> [Try it] In the records that follow, the lines from the one containing "#28=IFCINDEXEDPOLYGONALFACE((5,7,8,6));" to the one containing "#37=IFCPRODUCTDEFINITIONSHAPE($,$,(#36));", inclusive, are to be given again exactly.

(Collected data)
* * * * *
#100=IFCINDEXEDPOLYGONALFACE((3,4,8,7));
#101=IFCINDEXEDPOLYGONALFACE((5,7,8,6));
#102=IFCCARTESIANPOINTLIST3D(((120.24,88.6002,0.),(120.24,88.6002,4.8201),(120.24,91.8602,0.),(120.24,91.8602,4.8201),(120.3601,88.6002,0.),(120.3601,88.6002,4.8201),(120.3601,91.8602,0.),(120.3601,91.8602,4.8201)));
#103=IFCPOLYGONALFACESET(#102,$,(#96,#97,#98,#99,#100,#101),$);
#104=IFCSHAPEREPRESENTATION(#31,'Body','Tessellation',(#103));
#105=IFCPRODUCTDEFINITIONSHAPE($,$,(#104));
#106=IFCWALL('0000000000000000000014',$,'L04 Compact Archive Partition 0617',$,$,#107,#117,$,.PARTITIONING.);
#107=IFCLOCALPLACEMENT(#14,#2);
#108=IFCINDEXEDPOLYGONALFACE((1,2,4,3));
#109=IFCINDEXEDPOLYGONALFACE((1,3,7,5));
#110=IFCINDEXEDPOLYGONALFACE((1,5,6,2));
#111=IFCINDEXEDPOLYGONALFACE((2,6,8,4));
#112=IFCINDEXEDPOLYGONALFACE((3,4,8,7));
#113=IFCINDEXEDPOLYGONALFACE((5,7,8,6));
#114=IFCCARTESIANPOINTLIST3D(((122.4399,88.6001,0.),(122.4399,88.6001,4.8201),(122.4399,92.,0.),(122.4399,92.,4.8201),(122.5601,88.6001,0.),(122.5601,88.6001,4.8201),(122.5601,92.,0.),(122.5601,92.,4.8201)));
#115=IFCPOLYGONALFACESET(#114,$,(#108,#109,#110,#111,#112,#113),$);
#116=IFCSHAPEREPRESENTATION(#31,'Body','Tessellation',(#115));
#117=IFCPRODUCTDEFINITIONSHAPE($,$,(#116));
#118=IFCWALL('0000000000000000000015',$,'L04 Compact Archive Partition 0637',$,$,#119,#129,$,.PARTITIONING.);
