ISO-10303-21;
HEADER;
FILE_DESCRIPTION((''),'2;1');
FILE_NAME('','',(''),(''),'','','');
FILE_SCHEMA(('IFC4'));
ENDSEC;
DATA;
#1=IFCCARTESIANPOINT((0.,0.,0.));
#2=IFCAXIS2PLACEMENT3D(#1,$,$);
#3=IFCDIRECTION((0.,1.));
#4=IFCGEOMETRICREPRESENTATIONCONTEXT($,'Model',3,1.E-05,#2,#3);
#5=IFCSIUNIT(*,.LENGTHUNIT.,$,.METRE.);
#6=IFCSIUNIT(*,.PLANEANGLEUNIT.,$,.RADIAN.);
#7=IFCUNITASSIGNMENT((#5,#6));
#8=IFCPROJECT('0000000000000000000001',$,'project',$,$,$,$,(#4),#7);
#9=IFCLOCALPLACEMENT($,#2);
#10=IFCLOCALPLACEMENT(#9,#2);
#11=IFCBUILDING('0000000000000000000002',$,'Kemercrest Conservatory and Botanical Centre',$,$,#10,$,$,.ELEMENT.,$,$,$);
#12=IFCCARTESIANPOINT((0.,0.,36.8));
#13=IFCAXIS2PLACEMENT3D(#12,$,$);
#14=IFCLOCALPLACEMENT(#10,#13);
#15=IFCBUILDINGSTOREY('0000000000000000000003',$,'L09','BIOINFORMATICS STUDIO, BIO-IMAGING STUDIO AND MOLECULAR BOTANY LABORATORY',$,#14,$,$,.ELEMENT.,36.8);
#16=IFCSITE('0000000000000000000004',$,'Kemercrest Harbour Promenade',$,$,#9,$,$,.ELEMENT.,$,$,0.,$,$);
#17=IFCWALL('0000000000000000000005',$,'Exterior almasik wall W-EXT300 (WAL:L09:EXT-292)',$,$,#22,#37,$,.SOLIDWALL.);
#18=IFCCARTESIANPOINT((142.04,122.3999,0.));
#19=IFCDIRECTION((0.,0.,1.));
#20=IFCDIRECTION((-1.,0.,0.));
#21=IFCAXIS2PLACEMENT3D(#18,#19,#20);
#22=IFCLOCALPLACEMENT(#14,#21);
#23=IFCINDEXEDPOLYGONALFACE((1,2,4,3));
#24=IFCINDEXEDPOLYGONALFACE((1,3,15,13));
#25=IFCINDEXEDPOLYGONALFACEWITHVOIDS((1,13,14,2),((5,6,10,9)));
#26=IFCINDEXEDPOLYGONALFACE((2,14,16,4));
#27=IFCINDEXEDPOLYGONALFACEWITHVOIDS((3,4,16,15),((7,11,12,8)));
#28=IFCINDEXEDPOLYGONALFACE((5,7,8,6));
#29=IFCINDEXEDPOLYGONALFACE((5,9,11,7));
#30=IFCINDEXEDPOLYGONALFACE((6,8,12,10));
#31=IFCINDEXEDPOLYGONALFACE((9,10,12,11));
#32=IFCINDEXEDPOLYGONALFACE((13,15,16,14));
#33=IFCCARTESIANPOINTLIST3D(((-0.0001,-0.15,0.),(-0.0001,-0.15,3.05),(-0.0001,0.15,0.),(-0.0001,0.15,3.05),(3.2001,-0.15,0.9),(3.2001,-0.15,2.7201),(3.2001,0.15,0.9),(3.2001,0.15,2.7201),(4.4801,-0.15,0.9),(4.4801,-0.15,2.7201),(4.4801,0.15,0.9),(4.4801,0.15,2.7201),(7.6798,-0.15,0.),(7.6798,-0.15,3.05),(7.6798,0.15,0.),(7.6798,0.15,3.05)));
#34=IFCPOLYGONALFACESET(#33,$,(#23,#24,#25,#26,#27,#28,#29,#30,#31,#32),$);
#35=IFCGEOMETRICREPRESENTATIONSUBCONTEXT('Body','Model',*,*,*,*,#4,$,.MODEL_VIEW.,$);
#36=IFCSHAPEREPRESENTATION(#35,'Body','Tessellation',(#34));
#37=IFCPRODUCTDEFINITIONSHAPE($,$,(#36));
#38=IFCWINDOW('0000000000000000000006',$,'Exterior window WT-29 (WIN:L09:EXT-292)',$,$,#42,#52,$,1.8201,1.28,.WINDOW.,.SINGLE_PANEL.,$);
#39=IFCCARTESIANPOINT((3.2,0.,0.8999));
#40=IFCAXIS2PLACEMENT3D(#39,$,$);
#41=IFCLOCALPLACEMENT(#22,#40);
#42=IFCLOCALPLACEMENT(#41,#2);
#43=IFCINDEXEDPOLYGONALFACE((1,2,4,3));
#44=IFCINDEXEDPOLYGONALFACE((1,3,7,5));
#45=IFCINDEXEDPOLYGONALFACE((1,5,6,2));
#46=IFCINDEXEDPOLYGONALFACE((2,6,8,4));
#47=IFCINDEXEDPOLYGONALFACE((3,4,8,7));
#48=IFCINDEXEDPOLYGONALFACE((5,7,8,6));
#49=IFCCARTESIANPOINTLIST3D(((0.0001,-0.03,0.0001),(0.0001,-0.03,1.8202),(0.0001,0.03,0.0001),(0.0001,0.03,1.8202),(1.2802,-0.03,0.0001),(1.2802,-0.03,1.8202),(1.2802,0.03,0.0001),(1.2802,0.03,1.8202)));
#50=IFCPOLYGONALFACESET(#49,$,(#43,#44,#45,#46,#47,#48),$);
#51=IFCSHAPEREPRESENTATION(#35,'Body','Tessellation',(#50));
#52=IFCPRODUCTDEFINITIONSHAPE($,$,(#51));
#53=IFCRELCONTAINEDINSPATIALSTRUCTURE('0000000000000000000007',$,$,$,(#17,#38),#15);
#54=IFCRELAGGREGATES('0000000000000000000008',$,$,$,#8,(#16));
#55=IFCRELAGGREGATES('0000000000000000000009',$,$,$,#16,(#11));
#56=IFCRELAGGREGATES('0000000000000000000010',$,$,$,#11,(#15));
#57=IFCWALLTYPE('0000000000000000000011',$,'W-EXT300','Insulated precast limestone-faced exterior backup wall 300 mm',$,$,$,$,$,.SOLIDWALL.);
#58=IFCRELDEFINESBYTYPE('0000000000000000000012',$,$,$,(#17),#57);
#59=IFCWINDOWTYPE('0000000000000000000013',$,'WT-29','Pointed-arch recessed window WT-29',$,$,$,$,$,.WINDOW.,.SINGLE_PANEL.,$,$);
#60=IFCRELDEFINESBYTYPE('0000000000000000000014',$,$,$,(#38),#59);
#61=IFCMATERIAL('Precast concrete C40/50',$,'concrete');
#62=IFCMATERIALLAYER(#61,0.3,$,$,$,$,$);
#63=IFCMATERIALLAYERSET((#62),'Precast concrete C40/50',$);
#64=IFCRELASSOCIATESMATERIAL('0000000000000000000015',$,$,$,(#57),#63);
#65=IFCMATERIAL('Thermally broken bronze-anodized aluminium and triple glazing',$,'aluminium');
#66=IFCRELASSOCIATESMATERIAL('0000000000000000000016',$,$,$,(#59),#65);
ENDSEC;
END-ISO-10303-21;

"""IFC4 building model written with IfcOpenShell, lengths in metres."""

from ifc_helpers import new_model, si_unit, direction, frame, frame_2d, origin, place, context, subcontext, project, spatial, rectangle, extrude, material, layer, layer_set, type_object, element, fill, save


model = new_model("IFC4")

# Units and contexts
model_context = context("Model", 3, precision=1e-05, world=origin(), true_north=direction((0.0, 1.0)))
body_context = subcontext(model_context, "Body", "Model", "MODEL_VIEW")
ifc_project = project(units=[si_unit("LENGTHUNIT", "METRE"), si_unit("PLANEANGLEUNIT", "RADIAN")], contexts=[model_context])

# Site, building, storey
site_placement = place(None, origin())
site = spatial("IfcSite", under=ifc_project, at=site_placement, Name="Kemercrest Harbour Promenade", CompositionType="ELEMENT", RefElevation=0.0)
building_placement = place(site_placement, origin())
building = spatial("IfcBuilding", under=site, at=building_placement, Name="Kemercrest Conservatory and Botanical Centre", CompositionType="ELEMENT")
storey_placement = place(building_placement, frame((0.0, 0.0, 36.8)))
storey = spatial("IfcBuildingStorey", under=building, at=storey_placement, Name="L09", Description="BIOINFORMATICS STUDIO, BIO-IMAGING STUDIO AND MOLECULAR BOTANY LABORATORY", CompositionType="ELEMENT", Elevation=36.8)

# Wall, opening, window
ifc_material_1 = material(Name="Precast concrete C40/50", Category="concrete")
ifc_layer_1 = layer(ifc_material_1, 0.3)
ifc_layer_set_1 = layer_set([ifc_layer_1], Name="Precast concrete C40/50")
wall_type_1 = type_object("IfcWallType", Name="W-EXT300", Description="Insulated precast limestone-faced exterior backup wall 300 mm", PredefinedType="SOLIDWALL", material=ifc_layer_set_1)
ifc_material_2 = material(Name="Thermally broken bronze-anodized aluminium and triple glazing", Category="aluminium")
wall_1_placement = place(storey_placement, frame((142.04, 122.3999, 0.0), z_axis=(0.0, 0.0, 1.0), x_axis=(-1.0, 0.0, 0.0)))
wall_1 = element("IfcWall", 1, at=wall_1_placement, inside=storey, type_object=wall_type_1, Name="Exterior almasik wall W-EXT300 (WAL:L09:EXT-292)", PredefinedType="SOLIDWALL", context=body_context, shape_type="SweptSolid", body=[
    extrude(rectangle(XDim=7.6799, YDim=0.3, at=frame_2d((3.8398, 0.0))), origin(), (0.0, 0.0, 1.0), 3.05),
])
opening_1_placement = place(wall_1_placement, frame((3.2, 0.0, 0.8999)))
opening_1 = element("IfcOpeningElement", 2, at=opening_1_placement, cuts=wall_1, PredefinedType="OPENING", context=body_context, shape_type="SweptSolid", body=[
    extrude(rectangle(XDim=1.28, YDim=1.8201, at=frame_2d((0.6401, 0.9102))), frame((0.0, 0.1602, 0.0), z_axis=(0.0, -1.0, 0.0), x_axis=(1.0, 0.0, 0.0)), (0.0, 0.0, 1.0), 0.3201),
])
window_type_1 = type_object("IfcWindowType", Name="WT-29", Description="Pointed-arch recessed window WT-29", PartitioningType="SINGLE_PANEL", PredefinedType="WINDOW", material=ifc_material_2)
window_1_placement = place(opening_1_placement, origin())
window_1 = element("IfcWindow", 3, at=window_1_placement, inside=storey, type_object=window_type_1, Name="Exterior window WT-29 (WIN:L09:EXT-292)", OverallHeight=1.8201, OverallWidth=1.28, PartitioningType="SINGLE_PANEL", PredefinedType="WINDOW", context=body_context, shape_type="SweptSolid", body=[
    extrude(rectangle(XDim=1.28, YDim=1.8201, at=frame_2d((0.6401, 0.9102))), frame((0.0, 0.03, 0.0), z_axis=(0.0, -1.0, 0.0), x_axis=(1.0, 0.0, 0.0)), (0.0, 0.0, 1.0), 0.0601),
])
fill(opening_1, window_1)

save(model, "model.ifc")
* * * * *
> [Reply to the task]
#28=IFCINDEXEDPOLYGONALFACE((5,7,8,6));
#29=IFCINDEXEDPOLYGONALFACE((5,9,11,7));
#30=IFCINDEXEDPOLYGONALFACE((6,8,12,10));
#31=IFCINDEXEDPOLYGONALFACE((9,10,12,11));
#32=IFCINDEXEDPOLYGONALFACE((13,15,16,14));
#33=IFCCARTESIANPOINTLIST3D(((-0.0001,-0.15,0.),(-0.0001,-0.15,3.05),(-0.0001,0.15,0.),(-0.0001,0.15,3.05),(3.2001,-0.15,0.9),(3.2001,-0.15,2.7201),(3.2001,0.15,0.9),(3.2001,0.15,2.7201),(4.4801,-0.15,0.9),(4.4801,-0.15,2.7201),(4.4801,0.15,0.9),(4.4801,0.15,2.7201),(7.6798,-0.15,0.),(7.6798,-0.15,3.05),(7.6798,0.15,0.),(7.6798,0.15,3.05)));
#34=IFCPOLYGONALFACESET(#33,$,(#23,#24,#25,#26,#27,#28,#29,#30,#31,#32),$);
#35=IFCGEOMETRICREPRESENTATIONSUBCONTEXT('Body','Model',*,*,*,*,#4,$,.MODEL_VIEW.,$);
#36=IFCSHAPEREPRESENTATION(#35,'Body','Tessellation',(#34));
#37=IFCPRODUCTDEFINITIONSHAPE($,$,(#36));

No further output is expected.